▶ INSTRUCTIONS FOR THE TASK
From the records below, find each line with the string "IFCPOLYGONALFACESET" and copy it.

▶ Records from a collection

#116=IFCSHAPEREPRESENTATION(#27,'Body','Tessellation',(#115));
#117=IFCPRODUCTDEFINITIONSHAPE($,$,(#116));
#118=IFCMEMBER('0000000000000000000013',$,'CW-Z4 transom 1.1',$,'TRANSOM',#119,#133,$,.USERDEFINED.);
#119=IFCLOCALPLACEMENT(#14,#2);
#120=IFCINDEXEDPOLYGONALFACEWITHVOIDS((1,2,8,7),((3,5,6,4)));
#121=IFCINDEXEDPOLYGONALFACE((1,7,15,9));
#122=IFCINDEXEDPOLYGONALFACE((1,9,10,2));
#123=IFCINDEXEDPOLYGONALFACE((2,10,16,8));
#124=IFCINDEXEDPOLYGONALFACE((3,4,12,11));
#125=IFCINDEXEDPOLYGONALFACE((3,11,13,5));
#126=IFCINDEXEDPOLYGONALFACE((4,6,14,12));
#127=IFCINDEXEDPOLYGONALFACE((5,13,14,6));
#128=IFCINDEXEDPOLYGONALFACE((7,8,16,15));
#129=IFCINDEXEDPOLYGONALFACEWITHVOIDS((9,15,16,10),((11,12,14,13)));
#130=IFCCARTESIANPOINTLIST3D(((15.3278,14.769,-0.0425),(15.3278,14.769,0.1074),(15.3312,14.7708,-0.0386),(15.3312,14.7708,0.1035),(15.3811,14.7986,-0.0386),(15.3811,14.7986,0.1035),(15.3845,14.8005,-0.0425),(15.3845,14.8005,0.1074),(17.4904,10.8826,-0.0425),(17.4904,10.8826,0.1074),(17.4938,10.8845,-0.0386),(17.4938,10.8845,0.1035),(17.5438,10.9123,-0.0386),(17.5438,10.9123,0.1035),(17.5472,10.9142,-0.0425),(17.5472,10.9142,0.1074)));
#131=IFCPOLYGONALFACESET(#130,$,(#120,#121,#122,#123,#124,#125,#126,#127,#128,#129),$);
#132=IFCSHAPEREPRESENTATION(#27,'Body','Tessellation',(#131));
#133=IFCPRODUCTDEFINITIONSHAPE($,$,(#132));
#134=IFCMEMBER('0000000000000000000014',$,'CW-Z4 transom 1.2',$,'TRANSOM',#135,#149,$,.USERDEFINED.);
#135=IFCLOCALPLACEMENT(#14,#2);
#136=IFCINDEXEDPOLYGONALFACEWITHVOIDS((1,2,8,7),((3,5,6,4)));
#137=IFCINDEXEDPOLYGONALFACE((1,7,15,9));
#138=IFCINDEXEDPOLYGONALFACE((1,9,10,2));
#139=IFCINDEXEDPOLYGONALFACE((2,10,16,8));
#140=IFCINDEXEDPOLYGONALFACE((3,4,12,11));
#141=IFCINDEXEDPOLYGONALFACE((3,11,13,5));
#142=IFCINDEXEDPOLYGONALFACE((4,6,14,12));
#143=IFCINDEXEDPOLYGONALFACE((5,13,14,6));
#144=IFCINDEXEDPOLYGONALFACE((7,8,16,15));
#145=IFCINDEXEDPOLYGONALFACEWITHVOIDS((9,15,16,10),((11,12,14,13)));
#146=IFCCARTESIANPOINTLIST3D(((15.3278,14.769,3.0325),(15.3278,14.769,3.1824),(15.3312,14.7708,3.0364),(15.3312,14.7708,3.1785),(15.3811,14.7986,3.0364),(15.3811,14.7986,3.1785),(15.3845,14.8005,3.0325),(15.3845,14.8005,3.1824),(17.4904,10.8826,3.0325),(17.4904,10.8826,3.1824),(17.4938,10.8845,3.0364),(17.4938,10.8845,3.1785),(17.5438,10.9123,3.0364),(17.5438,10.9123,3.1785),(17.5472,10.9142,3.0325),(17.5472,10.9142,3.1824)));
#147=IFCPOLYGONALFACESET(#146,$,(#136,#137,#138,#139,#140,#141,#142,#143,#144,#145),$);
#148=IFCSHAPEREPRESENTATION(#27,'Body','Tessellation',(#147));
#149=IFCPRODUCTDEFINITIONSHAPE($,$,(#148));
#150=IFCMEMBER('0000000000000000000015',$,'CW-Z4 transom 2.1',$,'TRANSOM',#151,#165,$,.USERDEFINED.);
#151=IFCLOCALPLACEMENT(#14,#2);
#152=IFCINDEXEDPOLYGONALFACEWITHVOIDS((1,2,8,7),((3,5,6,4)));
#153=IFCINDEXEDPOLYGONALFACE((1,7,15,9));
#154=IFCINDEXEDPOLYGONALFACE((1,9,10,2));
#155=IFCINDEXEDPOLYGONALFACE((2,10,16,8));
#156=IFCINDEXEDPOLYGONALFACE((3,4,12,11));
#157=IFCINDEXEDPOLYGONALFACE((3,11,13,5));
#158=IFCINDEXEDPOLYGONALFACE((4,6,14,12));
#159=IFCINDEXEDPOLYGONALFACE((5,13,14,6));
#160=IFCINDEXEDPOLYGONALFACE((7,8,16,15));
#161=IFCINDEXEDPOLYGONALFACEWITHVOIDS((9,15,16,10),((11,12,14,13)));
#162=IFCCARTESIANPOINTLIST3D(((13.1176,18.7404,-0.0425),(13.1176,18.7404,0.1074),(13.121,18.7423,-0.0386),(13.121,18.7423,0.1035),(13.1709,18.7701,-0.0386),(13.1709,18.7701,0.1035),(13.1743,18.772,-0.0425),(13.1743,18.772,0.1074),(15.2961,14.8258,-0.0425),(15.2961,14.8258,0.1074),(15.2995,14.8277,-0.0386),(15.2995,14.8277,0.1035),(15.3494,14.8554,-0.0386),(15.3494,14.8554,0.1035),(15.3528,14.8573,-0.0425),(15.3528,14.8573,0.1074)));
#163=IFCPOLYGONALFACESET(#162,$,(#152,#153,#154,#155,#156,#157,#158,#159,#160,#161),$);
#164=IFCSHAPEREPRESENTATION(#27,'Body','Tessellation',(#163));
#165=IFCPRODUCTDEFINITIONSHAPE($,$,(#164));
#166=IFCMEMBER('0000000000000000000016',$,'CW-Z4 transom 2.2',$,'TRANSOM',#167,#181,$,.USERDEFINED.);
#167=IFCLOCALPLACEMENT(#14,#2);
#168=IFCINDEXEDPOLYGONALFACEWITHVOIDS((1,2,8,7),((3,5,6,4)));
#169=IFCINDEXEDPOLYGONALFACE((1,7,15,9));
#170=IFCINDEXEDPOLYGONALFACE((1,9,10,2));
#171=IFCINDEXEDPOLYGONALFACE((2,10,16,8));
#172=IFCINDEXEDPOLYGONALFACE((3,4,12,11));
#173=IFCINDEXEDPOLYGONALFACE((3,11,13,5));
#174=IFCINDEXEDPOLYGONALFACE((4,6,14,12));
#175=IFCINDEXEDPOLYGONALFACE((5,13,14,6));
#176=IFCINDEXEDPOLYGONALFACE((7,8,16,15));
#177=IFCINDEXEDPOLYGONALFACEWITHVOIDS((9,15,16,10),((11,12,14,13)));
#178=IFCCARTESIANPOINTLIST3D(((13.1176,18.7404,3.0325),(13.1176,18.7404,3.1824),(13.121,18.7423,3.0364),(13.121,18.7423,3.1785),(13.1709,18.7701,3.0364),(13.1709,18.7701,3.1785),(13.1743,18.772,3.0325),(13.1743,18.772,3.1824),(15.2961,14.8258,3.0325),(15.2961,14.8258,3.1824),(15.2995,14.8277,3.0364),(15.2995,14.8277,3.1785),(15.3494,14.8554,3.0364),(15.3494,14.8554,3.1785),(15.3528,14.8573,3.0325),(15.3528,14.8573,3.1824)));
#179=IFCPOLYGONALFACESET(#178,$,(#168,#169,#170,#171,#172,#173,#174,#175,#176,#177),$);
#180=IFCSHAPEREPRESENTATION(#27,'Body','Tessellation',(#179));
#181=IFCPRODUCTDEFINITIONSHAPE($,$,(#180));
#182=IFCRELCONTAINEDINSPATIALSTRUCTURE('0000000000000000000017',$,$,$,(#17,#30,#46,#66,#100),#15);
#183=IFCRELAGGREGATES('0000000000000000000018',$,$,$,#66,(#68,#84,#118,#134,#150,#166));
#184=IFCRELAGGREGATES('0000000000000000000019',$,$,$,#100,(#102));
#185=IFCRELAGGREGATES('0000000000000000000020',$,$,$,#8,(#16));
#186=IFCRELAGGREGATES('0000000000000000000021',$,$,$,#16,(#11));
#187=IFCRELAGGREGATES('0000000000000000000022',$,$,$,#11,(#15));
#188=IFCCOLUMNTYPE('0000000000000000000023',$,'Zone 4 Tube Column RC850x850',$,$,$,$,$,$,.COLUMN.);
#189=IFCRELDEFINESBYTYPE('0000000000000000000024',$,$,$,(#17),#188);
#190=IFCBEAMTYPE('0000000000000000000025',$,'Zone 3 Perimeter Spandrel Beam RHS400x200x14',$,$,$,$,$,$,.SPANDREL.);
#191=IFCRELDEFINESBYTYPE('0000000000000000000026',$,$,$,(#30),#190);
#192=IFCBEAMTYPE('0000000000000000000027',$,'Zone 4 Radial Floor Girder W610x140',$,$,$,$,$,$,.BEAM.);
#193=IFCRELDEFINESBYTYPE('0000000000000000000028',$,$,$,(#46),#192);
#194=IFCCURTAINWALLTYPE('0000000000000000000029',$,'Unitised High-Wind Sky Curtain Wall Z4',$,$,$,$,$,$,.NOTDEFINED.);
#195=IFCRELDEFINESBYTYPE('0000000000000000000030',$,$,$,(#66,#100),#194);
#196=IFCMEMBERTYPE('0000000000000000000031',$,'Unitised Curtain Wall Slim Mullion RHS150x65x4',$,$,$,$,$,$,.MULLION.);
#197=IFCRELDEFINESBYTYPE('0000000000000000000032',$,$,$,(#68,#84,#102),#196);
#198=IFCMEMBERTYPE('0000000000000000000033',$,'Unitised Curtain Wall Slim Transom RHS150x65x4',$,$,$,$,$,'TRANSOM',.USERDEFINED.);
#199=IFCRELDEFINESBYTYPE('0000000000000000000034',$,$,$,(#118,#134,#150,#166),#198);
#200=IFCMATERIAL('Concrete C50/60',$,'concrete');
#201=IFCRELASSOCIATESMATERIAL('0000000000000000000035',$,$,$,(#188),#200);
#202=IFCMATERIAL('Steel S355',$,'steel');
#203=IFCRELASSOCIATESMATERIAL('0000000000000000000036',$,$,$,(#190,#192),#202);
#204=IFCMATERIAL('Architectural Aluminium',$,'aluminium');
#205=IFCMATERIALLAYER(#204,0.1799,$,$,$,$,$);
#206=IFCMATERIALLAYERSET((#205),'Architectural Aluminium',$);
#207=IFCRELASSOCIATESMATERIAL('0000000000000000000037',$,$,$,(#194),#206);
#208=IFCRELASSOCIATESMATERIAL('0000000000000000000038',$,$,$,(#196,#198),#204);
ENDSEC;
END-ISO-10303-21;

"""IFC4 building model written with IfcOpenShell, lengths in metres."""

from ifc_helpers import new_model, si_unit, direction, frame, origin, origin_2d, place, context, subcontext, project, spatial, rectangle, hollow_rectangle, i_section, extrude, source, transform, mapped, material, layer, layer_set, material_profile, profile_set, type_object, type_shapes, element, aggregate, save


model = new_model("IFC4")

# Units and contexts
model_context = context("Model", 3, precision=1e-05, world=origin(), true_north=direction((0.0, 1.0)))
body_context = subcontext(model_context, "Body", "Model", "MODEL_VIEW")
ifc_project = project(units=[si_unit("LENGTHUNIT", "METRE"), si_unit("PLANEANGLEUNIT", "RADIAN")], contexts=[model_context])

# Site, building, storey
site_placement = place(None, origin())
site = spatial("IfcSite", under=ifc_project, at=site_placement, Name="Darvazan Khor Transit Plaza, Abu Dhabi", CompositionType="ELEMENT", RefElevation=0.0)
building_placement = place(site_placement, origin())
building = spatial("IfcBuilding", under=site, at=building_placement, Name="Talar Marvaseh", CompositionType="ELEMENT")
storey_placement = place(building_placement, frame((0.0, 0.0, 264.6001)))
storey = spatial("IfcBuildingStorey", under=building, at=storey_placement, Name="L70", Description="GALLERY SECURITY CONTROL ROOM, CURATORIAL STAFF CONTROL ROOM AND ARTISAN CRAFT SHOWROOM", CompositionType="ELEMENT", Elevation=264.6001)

▶ YOUR RESPONSE
#131=IFCPOLYGONALFACESET(#130,$,(#120,#121,#122,#123,#124,#125,#126,#127,#128,#129),$);
#147=IFCPOLYGONALFACESET(#146,$,(#136,#137,#138,#139,#140,#141,#142,#143,#144,#145),$);
#163=IFCPOLYGONALFACESET(#162,$,(#152,#153,#154,#155,#156,#157,#158,#159,#160,#161),$);
#179=IFCPOLYGONALFACESET(#178,$,(#168,#169,#170,#171,#172,#173,#174,#175,#176,#177),$);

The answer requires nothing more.